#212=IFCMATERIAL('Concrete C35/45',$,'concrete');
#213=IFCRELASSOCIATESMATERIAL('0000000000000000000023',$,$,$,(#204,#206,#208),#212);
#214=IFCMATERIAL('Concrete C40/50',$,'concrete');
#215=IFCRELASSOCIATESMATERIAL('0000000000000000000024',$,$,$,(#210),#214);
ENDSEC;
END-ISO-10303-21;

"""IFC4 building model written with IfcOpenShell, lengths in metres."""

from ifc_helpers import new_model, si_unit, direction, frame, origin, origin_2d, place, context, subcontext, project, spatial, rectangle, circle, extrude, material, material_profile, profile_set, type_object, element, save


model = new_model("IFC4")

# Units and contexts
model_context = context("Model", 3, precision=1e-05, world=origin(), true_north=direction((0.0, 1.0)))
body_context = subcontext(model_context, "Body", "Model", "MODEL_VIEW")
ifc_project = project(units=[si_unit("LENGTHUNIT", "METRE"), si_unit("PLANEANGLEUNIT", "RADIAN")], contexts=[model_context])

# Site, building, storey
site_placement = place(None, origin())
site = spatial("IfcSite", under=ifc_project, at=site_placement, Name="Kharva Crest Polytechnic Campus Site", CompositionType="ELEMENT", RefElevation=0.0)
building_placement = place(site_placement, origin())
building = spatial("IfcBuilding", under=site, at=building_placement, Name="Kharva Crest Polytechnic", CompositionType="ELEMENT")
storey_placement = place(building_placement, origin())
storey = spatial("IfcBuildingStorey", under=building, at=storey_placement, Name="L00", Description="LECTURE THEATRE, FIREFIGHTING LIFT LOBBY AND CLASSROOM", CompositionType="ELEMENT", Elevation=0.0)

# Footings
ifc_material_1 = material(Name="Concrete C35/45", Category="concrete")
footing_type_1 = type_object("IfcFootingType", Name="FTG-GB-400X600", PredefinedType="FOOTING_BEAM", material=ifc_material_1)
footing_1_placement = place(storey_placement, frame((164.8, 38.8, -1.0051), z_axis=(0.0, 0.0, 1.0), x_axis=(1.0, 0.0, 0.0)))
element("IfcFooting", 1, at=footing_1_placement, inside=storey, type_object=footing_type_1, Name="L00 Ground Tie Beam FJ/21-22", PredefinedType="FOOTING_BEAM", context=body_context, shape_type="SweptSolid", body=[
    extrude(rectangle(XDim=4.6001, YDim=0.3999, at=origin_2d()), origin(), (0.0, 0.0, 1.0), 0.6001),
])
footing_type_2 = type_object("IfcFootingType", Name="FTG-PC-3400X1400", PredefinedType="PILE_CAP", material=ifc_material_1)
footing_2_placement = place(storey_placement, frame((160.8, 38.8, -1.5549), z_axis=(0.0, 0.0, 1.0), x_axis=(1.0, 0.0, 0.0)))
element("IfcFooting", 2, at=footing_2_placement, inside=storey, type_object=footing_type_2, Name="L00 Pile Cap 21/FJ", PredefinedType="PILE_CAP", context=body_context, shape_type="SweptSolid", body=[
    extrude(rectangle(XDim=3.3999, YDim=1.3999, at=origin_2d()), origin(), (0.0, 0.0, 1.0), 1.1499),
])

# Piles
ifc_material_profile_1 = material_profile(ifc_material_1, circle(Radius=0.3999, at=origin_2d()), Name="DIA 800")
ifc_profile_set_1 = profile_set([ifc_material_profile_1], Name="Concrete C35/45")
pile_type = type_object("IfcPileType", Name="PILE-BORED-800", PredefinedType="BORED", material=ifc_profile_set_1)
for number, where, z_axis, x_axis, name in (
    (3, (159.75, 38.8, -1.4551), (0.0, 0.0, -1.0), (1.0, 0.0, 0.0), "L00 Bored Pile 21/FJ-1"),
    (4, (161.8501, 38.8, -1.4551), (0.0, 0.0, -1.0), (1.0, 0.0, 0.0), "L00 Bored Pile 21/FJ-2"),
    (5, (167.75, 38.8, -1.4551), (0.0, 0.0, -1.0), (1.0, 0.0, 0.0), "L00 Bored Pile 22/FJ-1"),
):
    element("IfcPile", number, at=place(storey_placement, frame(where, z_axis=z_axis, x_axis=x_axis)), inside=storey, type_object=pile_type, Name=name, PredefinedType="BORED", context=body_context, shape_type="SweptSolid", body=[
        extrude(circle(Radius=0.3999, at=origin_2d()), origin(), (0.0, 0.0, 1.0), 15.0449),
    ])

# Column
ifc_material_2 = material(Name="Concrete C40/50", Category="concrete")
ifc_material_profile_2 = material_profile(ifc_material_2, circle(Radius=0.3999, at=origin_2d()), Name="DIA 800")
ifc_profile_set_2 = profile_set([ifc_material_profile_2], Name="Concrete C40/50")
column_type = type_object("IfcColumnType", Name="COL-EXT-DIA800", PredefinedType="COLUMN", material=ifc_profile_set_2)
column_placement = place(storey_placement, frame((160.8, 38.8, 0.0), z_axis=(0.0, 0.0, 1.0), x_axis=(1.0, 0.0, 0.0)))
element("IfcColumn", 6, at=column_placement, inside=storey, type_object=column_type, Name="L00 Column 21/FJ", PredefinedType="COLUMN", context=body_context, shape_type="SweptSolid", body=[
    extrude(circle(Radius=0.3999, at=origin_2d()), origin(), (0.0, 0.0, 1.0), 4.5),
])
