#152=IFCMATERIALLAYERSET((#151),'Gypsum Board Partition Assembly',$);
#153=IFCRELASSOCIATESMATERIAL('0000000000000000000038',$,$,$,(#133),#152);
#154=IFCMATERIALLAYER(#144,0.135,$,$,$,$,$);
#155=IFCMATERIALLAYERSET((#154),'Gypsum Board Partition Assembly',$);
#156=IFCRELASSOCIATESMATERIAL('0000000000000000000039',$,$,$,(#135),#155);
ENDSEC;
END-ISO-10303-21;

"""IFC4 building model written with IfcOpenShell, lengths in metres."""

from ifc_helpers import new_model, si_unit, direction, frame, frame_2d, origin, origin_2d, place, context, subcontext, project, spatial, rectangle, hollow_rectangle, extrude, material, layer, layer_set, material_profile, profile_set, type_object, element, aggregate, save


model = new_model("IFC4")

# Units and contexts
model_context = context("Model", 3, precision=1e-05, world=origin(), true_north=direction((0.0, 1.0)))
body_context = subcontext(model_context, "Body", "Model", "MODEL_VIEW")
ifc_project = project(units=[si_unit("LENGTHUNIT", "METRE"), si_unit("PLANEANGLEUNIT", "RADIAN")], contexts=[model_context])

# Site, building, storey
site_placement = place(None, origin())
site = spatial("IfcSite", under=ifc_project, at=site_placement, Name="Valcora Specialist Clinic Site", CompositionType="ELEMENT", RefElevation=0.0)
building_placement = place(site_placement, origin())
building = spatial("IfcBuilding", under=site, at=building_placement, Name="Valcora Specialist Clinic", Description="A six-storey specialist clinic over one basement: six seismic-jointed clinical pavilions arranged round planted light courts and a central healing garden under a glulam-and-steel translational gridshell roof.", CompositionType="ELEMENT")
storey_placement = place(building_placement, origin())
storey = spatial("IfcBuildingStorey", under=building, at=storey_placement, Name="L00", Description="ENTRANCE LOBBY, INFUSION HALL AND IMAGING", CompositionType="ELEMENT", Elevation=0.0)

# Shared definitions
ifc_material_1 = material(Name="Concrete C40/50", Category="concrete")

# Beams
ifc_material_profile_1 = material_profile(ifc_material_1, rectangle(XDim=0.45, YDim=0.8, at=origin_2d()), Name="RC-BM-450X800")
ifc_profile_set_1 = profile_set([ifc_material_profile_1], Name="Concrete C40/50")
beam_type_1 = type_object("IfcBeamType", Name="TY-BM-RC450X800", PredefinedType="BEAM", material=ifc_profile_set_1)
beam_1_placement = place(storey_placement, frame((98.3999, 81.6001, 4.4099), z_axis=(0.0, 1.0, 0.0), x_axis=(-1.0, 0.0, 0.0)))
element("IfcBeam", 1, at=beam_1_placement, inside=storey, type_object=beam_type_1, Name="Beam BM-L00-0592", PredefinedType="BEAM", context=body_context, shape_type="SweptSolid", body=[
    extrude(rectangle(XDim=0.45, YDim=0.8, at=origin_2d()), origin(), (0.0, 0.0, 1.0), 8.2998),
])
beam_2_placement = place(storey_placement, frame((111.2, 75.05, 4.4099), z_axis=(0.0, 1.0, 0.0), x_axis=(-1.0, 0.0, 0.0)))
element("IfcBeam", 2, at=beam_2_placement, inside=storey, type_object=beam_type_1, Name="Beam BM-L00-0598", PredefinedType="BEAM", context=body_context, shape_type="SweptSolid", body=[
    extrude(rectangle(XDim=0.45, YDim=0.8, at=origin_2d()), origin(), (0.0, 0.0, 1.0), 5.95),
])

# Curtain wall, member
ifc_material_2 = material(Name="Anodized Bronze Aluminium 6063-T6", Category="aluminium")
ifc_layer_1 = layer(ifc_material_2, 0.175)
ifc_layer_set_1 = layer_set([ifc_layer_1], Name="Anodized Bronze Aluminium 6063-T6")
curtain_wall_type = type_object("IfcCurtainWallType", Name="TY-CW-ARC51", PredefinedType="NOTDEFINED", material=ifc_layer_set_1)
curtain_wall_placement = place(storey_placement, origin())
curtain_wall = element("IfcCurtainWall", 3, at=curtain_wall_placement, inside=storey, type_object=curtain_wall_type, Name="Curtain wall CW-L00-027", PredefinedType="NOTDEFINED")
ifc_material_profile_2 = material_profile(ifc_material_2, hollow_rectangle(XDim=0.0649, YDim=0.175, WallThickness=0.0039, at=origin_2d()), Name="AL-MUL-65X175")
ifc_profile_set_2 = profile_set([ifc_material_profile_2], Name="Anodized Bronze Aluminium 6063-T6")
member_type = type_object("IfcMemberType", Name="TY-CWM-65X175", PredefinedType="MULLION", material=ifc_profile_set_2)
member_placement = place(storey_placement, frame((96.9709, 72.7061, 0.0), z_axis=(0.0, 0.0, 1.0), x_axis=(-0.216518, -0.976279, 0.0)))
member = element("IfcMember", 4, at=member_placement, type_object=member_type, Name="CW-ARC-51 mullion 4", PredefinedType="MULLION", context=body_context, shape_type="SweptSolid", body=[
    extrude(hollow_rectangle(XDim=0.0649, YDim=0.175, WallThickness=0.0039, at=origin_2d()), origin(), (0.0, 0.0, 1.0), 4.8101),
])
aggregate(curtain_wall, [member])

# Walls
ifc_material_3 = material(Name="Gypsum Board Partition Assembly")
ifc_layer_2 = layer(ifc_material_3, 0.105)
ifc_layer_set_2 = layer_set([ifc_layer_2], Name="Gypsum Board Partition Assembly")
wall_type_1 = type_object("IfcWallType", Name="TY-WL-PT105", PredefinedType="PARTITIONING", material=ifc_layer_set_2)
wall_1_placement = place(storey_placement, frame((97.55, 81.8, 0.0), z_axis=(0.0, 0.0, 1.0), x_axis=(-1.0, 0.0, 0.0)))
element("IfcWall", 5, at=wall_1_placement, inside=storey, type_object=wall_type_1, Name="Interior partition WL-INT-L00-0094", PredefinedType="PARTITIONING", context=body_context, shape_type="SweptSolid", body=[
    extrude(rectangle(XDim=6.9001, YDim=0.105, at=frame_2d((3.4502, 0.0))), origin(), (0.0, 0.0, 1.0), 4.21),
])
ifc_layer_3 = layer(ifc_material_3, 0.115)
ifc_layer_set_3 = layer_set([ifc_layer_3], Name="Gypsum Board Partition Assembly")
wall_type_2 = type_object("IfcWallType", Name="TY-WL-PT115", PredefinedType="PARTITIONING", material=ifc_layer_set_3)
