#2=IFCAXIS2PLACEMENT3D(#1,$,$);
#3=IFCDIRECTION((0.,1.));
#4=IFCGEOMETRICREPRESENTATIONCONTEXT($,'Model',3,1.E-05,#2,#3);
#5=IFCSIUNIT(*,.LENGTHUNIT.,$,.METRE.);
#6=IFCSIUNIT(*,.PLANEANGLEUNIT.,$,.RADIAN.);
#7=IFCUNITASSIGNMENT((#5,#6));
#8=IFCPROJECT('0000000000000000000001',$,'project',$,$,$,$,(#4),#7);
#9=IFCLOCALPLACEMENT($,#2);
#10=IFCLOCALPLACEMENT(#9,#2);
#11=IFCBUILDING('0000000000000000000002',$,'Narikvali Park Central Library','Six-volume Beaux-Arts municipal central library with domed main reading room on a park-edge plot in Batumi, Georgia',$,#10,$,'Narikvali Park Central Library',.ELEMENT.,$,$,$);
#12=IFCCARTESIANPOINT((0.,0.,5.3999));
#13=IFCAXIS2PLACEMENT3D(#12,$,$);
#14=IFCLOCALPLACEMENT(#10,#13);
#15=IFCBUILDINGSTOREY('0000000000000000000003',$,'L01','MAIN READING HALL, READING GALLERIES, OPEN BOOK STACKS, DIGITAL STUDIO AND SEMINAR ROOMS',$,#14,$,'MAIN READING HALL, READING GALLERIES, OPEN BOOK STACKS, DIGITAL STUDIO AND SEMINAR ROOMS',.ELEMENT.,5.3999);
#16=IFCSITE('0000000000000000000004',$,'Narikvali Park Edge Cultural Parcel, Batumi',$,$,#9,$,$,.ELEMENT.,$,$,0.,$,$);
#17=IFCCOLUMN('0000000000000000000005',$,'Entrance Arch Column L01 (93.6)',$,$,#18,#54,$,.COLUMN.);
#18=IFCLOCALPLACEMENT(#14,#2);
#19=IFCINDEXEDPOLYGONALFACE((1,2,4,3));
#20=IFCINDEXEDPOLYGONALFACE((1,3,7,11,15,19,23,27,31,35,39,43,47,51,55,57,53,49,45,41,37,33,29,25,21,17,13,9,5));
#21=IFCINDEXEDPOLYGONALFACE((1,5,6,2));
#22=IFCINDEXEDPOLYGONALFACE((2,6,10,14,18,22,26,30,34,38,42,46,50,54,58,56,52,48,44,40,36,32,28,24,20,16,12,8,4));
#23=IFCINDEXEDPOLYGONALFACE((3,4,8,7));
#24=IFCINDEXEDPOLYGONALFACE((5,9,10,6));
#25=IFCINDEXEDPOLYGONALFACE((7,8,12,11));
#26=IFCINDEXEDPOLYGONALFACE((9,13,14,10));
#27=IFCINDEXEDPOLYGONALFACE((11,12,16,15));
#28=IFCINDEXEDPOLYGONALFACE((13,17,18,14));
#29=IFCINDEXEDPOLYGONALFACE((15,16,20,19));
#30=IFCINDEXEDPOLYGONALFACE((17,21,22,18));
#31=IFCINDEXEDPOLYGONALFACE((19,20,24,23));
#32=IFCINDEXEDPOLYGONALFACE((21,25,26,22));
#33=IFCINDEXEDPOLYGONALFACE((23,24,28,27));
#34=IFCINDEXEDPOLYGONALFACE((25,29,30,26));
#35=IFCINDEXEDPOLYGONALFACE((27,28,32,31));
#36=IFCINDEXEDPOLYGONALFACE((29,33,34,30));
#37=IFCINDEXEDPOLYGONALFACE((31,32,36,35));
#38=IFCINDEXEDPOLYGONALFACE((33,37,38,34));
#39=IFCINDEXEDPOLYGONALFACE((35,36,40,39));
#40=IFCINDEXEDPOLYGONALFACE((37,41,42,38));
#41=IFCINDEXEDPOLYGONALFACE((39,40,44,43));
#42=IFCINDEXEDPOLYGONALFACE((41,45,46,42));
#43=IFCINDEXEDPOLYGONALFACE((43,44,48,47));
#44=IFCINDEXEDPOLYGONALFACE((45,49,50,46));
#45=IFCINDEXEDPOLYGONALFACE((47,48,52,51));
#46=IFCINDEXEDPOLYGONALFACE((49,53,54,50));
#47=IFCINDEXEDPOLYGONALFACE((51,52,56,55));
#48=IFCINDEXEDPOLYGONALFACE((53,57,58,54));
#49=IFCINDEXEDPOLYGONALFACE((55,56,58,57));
+++
Please state how many lines in the records contain the word "Polytechnic", and give only that number.

EXERCISE RESPONSE
2